- Opening Delimiter -

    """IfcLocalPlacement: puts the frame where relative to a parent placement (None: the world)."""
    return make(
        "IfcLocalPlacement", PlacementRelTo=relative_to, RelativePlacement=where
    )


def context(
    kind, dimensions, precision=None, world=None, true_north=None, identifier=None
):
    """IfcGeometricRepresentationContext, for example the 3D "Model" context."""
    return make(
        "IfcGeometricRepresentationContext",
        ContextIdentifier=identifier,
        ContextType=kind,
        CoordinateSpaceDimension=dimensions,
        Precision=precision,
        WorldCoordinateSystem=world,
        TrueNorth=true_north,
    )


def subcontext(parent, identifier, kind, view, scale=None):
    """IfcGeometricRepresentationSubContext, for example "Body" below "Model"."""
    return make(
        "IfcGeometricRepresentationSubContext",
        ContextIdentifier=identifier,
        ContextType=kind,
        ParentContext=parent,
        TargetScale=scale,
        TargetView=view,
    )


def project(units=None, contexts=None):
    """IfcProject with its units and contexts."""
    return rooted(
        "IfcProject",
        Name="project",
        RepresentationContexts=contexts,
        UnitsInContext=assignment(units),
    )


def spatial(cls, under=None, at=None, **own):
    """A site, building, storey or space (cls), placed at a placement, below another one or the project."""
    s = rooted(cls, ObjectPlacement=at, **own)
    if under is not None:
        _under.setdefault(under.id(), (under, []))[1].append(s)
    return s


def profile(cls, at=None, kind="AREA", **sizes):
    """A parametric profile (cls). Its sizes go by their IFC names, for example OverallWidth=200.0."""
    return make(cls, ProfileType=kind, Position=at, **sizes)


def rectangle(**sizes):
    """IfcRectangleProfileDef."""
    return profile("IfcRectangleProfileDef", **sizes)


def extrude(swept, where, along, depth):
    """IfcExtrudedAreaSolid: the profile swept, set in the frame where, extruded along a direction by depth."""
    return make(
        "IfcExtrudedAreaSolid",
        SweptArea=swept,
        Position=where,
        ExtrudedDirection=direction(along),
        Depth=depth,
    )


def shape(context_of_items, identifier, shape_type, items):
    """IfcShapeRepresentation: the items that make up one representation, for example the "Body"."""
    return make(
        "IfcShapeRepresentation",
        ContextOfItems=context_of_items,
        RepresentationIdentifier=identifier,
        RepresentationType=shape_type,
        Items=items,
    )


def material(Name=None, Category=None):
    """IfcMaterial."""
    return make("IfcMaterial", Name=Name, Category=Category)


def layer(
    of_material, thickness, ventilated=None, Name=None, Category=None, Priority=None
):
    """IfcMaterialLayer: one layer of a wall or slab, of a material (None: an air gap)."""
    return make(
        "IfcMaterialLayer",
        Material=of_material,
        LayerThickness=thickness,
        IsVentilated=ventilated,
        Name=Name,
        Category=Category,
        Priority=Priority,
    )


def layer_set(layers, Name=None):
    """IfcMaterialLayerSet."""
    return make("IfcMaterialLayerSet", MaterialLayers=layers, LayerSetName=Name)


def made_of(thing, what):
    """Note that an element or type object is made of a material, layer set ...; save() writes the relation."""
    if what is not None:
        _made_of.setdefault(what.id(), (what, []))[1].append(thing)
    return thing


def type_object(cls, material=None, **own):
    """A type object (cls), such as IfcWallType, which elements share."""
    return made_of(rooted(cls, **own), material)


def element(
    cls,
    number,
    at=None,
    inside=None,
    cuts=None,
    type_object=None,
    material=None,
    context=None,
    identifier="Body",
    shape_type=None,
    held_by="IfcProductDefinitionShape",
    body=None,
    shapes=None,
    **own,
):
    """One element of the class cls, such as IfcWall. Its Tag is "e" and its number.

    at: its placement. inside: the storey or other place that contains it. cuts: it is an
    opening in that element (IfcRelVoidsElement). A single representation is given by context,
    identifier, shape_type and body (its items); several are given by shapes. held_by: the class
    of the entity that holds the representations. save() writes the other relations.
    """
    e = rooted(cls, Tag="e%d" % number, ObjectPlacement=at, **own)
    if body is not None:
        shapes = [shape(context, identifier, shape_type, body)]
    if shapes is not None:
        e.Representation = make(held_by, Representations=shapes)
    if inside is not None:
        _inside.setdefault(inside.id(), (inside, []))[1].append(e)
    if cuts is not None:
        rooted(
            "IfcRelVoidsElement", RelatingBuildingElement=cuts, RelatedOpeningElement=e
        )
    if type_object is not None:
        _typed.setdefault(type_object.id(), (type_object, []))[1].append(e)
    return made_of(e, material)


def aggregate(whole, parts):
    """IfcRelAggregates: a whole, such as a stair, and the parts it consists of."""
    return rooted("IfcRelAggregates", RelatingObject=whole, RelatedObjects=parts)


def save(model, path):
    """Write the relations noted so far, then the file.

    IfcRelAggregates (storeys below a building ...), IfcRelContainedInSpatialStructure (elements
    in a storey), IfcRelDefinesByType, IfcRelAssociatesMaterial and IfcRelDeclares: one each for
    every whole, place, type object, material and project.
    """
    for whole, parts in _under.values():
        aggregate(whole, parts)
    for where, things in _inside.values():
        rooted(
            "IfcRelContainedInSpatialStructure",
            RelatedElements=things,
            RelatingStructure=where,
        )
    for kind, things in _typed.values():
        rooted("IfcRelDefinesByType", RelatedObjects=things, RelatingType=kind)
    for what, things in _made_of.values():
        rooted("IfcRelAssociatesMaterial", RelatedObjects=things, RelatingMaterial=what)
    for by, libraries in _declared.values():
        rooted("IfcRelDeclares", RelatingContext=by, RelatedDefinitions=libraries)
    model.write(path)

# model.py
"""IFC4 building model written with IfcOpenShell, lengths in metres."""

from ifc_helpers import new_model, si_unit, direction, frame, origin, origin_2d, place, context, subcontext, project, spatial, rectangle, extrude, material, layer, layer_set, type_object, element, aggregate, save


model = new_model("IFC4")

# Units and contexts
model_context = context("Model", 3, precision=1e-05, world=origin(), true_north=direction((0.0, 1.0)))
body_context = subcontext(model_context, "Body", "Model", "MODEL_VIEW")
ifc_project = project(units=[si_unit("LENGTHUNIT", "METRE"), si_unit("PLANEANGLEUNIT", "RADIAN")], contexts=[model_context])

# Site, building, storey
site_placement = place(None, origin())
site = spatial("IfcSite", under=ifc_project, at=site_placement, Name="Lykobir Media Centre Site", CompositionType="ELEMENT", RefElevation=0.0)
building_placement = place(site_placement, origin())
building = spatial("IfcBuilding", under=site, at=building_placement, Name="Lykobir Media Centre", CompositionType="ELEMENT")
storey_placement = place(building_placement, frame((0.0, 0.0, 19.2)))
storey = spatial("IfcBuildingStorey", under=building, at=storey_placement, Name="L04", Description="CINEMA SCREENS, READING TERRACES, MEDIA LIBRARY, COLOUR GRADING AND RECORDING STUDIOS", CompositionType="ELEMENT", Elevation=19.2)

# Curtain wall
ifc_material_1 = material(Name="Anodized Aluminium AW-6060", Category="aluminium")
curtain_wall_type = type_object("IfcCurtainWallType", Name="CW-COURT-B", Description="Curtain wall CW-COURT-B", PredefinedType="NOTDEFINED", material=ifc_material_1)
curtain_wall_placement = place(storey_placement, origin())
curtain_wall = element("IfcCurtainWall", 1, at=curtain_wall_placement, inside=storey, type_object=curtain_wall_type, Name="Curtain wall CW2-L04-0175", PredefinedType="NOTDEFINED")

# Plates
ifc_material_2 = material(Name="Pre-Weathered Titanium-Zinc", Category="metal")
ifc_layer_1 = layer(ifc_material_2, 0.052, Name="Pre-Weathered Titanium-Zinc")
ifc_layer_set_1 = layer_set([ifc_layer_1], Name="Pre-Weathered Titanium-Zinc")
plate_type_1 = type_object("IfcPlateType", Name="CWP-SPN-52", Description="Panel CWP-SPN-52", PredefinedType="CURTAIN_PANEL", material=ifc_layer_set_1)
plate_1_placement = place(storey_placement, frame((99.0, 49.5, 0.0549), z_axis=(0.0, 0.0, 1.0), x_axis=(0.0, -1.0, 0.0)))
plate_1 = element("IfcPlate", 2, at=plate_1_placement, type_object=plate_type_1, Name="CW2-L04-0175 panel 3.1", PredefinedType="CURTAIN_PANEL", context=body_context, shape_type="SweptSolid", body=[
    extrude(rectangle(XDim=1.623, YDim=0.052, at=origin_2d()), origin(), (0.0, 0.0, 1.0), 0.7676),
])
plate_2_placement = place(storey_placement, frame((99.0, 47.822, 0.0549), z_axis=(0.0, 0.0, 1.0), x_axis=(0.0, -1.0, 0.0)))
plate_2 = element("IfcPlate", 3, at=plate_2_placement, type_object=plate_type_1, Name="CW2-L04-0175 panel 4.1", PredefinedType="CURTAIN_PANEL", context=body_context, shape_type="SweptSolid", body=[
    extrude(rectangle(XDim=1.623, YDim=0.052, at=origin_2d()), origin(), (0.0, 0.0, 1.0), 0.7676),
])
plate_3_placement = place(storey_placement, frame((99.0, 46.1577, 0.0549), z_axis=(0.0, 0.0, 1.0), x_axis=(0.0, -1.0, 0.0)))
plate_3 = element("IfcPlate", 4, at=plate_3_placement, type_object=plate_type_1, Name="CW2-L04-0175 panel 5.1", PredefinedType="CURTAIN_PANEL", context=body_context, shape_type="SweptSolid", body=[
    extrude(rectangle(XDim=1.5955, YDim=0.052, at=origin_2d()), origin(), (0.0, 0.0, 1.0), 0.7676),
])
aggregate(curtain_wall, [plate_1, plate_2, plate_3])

- Closing Delimiter -
- Opening Delimiter -

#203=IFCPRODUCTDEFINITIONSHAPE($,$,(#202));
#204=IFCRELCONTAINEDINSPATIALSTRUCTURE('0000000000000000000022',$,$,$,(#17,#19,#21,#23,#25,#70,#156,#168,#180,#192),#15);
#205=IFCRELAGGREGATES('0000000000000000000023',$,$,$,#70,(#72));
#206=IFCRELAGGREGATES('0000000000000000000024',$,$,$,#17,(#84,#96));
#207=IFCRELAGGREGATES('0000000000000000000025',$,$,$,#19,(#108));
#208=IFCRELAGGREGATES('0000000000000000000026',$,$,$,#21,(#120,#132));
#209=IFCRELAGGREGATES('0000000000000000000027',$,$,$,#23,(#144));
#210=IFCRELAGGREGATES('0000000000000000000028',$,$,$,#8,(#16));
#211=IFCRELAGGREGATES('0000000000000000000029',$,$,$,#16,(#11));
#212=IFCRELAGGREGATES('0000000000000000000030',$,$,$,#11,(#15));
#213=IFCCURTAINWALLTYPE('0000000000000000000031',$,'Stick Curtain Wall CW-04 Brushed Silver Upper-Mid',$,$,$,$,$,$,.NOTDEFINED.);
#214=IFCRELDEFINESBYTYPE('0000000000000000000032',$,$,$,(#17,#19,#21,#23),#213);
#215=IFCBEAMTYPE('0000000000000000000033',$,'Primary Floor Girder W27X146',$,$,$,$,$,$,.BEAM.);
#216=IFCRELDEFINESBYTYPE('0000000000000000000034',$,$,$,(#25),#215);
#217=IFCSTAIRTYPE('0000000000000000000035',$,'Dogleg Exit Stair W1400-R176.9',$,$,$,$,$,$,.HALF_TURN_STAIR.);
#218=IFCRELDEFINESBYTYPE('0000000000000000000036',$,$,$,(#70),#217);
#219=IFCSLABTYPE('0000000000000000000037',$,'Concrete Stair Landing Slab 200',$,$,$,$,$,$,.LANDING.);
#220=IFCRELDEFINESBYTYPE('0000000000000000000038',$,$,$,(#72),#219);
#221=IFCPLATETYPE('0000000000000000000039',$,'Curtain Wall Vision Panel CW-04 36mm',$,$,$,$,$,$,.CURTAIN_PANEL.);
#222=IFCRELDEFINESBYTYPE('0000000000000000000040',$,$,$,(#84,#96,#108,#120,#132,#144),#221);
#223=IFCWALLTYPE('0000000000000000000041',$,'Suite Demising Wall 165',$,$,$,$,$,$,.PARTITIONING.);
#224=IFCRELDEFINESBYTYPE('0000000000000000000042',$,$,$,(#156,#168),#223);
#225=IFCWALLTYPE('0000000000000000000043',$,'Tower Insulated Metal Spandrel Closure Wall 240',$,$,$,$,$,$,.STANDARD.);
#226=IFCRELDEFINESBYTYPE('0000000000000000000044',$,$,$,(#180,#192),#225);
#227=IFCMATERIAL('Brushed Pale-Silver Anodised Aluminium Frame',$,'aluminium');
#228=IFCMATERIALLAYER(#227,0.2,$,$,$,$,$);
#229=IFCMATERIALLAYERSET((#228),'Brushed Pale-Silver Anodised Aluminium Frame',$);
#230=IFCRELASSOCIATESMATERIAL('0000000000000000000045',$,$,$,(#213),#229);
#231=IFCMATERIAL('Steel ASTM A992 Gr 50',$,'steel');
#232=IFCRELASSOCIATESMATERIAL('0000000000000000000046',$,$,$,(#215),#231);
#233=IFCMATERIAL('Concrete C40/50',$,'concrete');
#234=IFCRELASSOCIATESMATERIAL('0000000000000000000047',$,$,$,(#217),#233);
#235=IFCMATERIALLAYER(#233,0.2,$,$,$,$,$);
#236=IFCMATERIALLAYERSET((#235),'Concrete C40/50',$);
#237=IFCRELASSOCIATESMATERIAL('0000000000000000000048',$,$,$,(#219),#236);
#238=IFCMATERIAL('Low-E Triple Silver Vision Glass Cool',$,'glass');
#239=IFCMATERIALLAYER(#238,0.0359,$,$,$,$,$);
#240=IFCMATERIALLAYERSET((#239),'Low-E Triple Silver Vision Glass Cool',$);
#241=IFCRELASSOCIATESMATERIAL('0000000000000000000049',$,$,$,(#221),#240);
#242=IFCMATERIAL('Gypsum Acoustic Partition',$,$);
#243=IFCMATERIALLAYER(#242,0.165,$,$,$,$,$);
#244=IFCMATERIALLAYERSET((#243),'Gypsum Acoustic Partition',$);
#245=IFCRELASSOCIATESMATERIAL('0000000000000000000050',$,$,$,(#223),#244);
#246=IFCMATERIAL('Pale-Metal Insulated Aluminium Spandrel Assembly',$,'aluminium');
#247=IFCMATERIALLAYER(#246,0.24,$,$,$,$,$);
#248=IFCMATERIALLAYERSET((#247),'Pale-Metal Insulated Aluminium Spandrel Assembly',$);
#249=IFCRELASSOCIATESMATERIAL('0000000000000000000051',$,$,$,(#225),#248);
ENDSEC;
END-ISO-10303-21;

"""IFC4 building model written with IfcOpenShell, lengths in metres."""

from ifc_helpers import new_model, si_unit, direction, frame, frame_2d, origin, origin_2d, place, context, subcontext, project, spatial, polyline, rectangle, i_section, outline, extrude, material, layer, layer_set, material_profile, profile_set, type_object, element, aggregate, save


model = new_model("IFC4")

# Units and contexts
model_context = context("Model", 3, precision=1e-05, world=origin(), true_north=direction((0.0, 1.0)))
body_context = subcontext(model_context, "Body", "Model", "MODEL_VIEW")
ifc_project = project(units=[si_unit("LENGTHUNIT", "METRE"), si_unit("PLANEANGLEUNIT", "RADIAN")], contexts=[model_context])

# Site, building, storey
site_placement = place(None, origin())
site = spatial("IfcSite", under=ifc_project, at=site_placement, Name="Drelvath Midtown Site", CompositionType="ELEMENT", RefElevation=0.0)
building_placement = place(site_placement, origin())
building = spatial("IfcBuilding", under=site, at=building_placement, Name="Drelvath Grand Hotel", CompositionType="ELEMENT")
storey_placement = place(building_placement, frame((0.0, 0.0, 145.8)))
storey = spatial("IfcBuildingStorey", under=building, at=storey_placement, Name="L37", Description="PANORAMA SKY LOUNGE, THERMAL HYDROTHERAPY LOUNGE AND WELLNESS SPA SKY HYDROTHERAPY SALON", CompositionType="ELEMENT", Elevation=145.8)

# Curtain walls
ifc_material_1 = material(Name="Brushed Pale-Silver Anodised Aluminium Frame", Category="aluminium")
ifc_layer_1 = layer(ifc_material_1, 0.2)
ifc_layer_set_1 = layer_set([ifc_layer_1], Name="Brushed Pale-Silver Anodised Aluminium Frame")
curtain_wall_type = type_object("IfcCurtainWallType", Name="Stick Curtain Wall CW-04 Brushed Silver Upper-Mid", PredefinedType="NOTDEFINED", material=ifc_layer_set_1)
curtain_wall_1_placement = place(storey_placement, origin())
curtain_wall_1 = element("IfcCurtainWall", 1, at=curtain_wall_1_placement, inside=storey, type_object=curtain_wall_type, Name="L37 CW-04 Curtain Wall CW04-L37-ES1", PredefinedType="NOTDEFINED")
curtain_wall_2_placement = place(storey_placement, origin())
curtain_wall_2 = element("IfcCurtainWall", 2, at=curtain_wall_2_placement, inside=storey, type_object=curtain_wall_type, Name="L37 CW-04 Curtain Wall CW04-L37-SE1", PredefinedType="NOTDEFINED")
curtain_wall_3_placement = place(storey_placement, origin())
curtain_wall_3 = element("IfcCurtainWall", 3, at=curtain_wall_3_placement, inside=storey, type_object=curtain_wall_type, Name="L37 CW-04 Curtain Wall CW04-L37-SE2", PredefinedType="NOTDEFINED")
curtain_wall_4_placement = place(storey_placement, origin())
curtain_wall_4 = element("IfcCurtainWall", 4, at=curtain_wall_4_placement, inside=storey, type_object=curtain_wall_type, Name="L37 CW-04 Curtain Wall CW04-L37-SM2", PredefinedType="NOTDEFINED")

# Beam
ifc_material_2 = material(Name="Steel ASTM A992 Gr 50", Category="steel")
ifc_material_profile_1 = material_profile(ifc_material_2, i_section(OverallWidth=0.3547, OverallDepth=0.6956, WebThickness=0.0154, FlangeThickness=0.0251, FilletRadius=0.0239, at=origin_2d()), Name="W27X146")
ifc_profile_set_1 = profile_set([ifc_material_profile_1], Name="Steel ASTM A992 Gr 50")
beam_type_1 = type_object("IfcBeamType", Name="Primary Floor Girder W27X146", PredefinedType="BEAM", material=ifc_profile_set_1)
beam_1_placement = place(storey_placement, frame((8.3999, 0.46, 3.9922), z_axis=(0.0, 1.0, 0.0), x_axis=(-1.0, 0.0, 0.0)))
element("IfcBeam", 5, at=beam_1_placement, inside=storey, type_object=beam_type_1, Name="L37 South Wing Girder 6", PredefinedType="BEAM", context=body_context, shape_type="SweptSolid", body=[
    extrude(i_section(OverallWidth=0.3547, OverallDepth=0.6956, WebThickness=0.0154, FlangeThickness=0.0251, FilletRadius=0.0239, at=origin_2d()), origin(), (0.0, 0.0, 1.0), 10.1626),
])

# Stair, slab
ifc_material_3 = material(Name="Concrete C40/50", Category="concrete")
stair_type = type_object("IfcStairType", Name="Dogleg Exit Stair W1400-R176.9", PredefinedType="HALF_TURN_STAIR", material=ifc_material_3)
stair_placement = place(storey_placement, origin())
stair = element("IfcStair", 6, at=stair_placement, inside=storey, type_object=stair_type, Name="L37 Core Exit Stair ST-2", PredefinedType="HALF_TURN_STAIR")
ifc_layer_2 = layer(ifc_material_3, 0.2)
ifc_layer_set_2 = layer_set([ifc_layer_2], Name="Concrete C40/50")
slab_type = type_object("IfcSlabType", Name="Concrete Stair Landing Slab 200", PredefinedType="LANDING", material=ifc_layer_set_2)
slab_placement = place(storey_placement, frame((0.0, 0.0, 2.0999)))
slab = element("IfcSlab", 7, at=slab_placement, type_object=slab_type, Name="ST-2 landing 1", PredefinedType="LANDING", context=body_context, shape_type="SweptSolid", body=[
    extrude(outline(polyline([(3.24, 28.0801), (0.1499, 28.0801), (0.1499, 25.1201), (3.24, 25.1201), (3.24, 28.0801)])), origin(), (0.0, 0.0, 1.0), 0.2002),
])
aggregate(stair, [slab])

- Closing Delimiter -
- Opening Delimiter -

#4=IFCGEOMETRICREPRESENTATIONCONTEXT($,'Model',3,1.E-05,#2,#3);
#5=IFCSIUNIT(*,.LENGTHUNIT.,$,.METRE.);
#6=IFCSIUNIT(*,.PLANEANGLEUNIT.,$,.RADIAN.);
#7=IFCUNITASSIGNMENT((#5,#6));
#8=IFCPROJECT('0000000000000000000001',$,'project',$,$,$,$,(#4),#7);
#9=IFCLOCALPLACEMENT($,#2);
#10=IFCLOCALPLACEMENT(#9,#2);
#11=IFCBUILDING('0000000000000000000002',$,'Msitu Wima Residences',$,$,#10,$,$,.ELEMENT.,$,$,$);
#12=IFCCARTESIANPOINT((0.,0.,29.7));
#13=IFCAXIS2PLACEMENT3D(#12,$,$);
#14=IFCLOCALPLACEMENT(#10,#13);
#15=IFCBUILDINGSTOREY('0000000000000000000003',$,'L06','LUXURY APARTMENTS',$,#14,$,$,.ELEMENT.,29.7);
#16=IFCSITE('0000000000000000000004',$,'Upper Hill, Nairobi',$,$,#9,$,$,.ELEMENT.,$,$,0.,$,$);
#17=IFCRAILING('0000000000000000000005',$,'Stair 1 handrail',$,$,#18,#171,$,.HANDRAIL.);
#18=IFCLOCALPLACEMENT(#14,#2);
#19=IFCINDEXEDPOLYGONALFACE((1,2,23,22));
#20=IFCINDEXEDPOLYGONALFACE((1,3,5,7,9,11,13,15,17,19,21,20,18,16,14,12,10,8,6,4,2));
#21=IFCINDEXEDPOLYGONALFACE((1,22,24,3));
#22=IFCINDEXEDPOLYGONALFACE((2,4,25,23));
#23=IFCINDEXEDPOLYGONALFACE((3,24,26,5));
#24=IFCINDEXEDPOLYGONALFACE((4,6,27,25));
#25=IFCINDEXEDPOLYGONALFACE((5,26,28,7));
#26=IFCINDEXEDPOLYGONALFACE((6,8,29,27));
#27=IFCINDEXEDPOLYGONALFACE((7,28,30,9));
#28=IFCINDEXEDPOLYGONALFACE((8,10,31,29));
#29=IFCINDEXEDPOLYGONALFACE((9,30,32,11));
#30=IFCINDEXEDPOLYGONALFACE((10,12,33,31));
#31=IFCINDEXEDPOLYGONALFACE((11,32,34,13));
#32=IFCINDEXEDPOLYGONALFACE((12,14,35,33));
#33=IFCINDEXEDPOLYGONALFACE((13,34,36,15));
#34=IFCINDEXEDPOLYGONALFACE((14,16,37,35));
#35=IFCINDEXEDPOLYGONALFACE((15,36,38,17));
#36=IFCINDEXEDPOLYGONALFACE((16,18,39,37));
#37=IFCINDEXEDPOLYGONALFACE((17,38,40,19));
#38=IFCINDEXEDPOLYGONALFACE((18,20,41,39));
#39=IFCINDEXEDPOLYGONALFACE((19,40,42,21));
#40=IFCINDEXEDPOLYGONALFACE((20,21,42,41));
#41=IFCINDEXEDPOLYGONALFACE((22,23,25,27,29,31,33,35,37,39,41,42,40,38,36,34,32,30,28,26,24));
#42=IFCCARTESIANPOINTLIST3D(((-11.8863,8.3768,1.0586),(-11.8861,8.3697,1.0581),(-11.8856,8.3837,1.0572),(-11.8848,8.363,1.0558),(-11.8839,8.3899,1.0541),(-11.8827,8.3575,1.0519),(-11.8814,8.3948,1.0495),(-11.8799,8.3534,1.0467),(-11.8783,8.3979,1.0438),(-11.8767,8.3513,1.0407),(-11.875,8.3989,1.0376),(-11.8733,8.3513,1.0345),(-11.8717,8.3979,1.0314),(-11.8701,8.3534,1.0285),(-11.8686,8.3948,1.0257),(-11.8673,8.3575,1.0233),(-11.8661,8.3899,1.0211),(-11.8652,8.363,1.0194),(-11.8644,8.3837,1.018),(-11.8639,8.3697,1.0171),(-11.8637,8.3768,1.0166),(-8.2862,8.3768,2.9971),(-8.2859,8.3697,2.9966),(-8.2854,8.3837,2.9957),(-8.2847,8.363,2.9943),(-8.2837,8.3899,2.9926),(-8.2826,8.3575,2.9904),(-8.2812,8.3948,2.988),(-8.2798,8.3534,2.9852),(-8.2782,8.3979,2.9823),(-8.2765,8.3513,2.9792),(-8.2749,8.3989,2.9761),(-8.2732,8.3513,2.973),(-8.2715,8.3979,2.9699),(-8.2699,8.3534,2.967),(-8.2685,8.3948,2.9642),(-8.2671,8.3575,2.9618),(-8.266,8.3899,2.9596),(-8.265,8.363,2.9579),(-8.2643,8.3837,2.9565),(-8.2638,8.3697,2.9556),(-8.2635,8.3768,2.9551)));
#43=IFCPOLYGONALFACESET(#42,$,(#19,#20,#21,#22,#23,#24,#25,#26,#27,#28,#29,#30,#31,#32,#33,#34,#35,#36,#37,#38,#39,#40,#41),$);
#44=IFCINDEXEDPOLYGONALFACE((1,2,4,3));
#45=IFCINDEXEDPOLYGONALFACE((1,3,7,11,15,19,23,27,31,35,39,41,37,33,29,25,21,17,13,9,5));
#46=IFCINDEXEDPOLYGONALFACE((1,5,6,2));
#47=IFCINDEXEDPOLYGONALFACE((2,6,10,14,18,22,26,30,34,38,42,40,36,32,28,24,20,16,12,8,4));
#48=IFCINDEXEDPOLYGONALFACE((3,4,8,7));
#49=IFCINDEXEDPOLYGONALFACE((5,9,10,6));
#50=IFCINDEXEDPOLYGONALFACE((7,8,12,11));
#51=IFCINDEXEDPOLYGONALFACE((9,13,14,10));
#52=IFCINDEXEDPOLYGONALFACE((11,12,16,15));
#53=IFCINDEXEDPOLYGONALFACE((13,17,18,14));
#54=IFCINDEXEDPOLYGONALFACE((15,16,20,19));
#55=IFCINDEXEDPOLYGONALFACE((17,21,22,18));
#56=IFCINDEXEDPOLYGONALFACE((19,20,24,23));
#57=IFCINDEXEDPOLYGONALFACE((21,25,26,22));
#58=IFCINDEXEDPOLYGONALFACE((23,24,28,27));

- Closing Delimiter -

Task objective: What lines above contain the word "Floor"? Return each such line.

Answer to the exercise:
#215=IFCBEAMTYPE('0000000000000000000033',$,'Primary Floor Girder W27X146',$,$,$,$,$,$,.BEAM.);
beam_type_1 = type_object("IfcBeamType", Name="Primary Floor Girder W27X146", PredefinedType="BEAM", material=ifc_profile_set_1)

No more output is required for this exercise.